• **SUPPLIED DATA**:

Segment Open

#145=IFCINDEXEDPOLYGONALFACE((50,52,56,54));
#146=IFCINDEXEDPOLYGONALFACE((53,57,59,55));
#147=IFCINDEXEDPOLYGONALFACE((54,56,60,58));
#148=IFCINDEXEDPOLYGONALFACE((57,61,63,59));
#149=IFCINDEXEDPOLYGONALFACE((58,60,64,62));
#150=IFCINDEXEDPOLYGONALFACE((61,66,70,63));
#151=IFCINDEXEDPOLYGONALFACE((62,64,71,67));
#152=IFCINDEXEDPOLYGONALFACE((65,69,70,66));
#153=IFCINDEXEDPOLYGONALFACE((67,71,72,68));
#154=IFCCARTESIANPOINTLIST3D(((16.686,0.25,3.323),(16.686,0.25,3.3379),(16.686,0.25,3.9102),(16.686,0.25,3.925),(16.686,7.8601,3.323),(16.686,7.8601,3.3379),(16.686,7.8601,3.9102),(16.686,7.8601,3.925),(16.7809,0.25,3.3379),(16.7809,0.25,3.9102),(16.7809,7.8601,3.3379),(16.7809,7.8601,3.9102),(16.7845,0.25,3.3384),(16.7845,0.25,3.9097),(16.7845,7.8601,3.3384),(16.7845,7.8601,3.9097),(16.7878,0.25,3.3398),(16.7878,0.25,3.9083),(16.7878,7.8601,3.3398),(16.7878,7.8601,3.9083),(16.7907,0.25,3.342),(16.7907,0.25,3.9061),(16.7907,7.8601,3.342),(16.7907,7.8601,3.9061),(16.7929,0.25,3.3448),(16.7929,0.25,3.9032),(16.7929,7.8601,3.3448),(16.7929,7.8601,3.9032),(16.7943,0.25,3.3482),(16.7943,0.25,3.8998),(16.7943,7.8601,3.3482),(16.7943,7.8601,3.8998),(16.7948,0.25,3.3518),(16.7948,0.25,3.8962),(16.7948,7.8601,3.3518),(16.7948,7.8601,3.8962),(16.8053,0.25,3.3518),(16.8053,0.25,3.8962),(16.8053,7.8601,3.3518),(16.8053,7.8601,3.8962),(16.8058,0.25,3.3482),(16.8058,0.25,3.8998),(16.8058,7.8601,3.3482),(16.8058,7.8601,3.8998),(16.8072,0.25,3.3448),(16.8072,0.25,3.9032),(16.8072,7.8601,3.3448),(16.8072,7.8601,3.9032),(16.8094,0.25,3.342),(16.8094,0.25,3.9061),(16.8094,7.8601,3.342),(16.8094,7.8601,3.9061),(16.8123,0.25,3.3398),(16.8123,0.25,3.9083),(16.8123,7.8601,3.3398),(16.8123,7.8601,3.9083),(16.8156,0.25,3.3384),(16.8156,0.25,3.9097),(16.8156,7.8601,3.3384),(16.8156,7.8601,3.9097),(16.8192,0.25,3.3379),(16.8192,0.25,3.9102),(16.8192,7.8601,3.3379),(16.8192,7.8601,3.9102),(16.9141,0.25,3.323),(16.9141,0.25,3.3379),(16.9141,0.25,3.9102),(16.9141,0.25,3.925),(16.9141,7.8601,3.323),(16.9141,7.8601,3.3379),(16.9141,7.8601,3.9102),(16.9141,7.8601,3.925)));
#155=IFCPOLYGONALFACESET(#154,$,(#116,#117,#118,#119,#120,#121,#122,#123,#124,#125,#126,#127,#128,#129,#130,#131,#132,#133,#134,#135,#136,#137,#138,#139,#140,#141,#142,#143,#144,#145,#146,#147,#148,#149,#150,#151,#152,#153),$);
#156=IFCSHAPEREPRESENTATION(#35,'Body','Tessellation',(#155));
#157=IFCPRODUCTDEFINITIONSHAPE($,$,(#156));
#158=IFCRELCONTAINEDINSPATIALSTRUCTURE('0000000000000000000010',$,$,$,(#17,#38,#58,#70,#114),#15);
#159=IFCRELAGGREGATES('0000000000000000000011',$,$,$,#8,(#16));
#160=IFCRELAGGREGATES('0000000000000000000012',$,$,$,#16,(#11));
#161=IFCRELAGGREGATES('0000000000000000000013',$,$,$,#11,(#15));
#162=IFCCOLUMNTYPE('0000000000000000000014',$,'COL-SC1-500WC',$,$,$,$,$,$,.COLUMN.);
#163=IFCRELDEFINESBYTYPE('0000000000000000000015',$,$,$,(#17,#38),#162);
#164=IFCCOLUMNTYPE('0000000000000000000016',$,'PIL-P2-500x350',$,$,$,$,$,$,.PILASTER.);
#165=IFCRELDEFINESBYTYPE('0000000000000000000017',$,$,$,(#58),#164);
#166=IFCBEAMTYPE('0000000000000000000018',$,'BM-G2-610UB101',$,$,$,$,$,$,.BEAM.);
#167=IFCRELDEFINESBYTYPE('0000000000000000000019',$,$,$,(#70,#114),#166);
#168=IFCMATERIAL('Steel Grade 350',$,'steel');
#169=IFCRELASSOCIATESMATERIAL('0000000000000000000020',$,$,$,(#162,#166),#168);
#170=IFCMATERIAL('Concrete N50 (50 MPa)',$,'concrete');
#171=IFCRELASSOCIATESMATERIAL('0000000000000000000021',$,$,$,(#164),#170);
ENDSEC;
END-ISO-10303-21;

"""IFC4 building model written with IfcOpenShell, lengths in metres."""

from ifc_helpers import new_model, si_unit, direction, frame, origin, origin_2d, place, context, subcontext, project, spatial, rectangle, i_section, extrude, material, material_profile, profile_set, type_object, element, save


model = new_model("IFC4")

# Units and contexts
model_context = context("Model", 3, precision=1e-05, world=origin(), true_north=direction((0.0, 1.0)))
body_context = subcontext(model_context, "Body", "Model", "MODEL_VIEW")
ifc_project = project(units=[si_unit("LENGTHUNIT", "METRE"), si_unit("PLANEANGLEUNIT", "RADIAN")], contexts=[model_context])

Segment Closed

• **WHAT THE EXERCISE ASKS**: This exercise calls for every record above to be written out again exactly.

• **RESULT OF THIS EXERCISE**:
#145=IFCINDEXEDPOLYGONALFACE((50,52,56,54));
#146=IFCINDEXEDPOLYGONALFACE((53,57,59,55));
#147=IFCINDEXEDPOLYGONALFACE((54,56,60,58));
#148=IFCINDEXEDPOLYGONALFACE((57,61,63,59));
#149=IFCINDEXEDPOLYGONALFACE((58,60,64,62));
#150=IFCINDEXEDPOLYGONALFACE((61,66,70,63));
#151=IFCINDEXEDPOLYGONALFACE((62,64,71,67));
#152=IFCINDEXEDPOLYGONALFACE((65,69,70,66));
#153=IFCINDEXEDPOLYGONALFACE((67,71,72,68));
#154=IFCCARTESIANPOINTLIST3D(((16.686,0.25,3.323),(16.686,0.25,3.3379),(16.686,0.25,3.9102),(16.686,0.25,3.925),(16.686,7.8601,3.323),(16.686,7.8601,3.3379),(16.686,7.8601,3.9102),(16.686,7.8601,3.925),(16.7809,0.25,3.3379),(16.7809,0.25,3.9102),(16.7809,7.8601,3.3379),(16.7809,7.8601,3.9102),(16.7845,0.25,3.3384),(16.7845,0.25,3.9097),(16.7845,7.8601,3.3384),(16.7845,7.8601,3.9097),(16.7878,0.25,3.3398),(16.7878,0.25,3.9083),(16.7878,7.8601,3.3398),(16.7878,7.8601,3.9083),(16.7907,0.25,3.342),(16.7907,0.25,3.9061),(16.7907,7.8601,3.342),(16.7907,7.8601,3.9061),(16.7929,0.25,3.3448),(16.7929,0.25,3.9032),(16.7929,7.8601,3.3448),(16.7929,7.8601,3.9032),(16.7943,0.25,3.3482),(16.7943,0.25,3.8998),(16.7943,7.8601,3.3482),(16.7943,7.8601,3.8998),(16.7948,0.25,3.3518),(16.7948,0.25,3.8962),(16.7948,7.8601,3.3518),(16.7948,7.8601,3.8962),(16.8053,0.25,3.3518),(16.8053,0.25,3.8962),(16.8053,7.8601,3.3518),(16.8053,7.8601,3.8962),(16.8058,0.25,3.3482),(16.8058,0.25,3.8998),(16.8058,7.8601,3.3482),(16.8058,7.8601,3.8998),(16.8072,0.25,3.3448),(16.8072,0.25,3.9032),(16.8072,7.8601,3.3448),(16.8072,7.8601,3.9032),(16.8094,0.25,3.342),(16.8094,0.25,3.9061),(16.8094,7.8601,3.342),(16.8094,7.8601,3.9061),(16.8123,0.25,3.3398),(16.8123,0.25,3.9083),(16.8123,7.8601,3.3398),(16.8123,7.8601,3.9083),(16.8156,0.25,3.3384),(16.8156,0.25,3.9097),(16.8156,7.8601,3.3384),(16.8156,7.8601,3.9097),(16.8192,0.25,3.3379),(16.8192,0.25,3.9102),(16.8192,7.8601,3.3379),(16.8192,7.8601,3.9102),(16.9141,0.25,3.323),(16.9141,0.25,3.3379),(16.9141,0.25,3.9102),(16.9141,0.25,3.925),(16.9141,7.8601,3.323),(16.9141,7.8601,3.3379),(16.9141,7.8601,3.9102),(16.9141,7.8601,3.925)));
#155=IFCPOLYGONALFACESET(#154,$,(#116,#117,#118,#119,#120,#121,#122,#123,#124,#125,#126,#127,#128,#129,#130,#131,#132,#133,#134,#135,#136,#137,#138,#139,#140,#141,#142,#143,#144,#145,#146,#147,#148,#149,#150,#151,#152,#153),$);
#156=IFCSHAPEREPRESENTATION(#35,'Body','Tessellation',(#155));
#157=IFCPRODUCTDEFINITIONSHAPE($,$,(#156));
#158=IFCRELCONTAINEDINSPATIALSTRUCTURE('0000000000000000000010',$,$,$,(#17,#38,#58,#70,#114),#15);
#159=IFCRELAGGREGATES('0000000000000000000011',$,$,$,#8,(#16));
#160=IFCRELAGGREGATES('0000000000000000000012',$,$,$,#16,(#11));
#161=IFCRELAGGREGATES('0000000000000000000013',$,$,$,#11,(#15));
#162=IFCCOLUMNTYPE('0000000000000000000014',$,'COL-SC1-500WC',$,$,$,$,$,$,.COLUMN.);
#163=IFCRELDEFINESBYTYPE('0000000000000000000015',$,$,$,(#17,#38),#162);
#164=IFCCOLUMNTYPE('0000000000000000000016',$,'PIL-P2-500x350',$,$,$,$,$,$,.PILASTER.);
#165=IFCRELDEFINESBYTYPE('0000000000000000000017',$,$,$,(#58),#164);
#166=IFCBEAMTYPE('0000000000000000000018',$,'BM-G2-610UB101',$,$,$,$,$,$,.BEAM.);
#167=IFCRELDEFINESBYTYPE('0000000000000000000019',$,$,$,(#70,#114),#166);
#168=IFCMATERIAL('Steel Grade 350',$,'steel');
#169=IFCRELASSOCIATESMATERIAL('0000000000000000000020',$,$,$,(#162,#166),#168);
#170=IFCMATERIAL('Concrete N50 (50 MPa)',$,'concrete');
#171=IFCRELASSOCIATESMATERIAL('0000000000000000000021',$,$,$,(#164),#170);
ENDSEC;
END-ISO-10303-21;

"""IFC4 building model written with IfcOpenShell, lengths in metres."""

from ifc_helpers import new_model, si_unit, direction, frame, origin, origin_2d, place, context, subcontext, project, spatial, rectangle, i_section, extrude, material, material_profile, profile_set, type_object, element, save


model = new_model("IFC4")

# Units and contexts
model_context = context("Model", 3, precision=1e-05, world=origin(), true_north=direction((0.0, 1.0)))
body_context = subcontext(model_context, "Body", "Model", "MODEL_VIEW")
ifc_project = project(units=[si_unit("LENGTHUNIT", "METRE"), si_unit("PLANEANGLEUNIT", "RADIAN")], contexts=[model_context])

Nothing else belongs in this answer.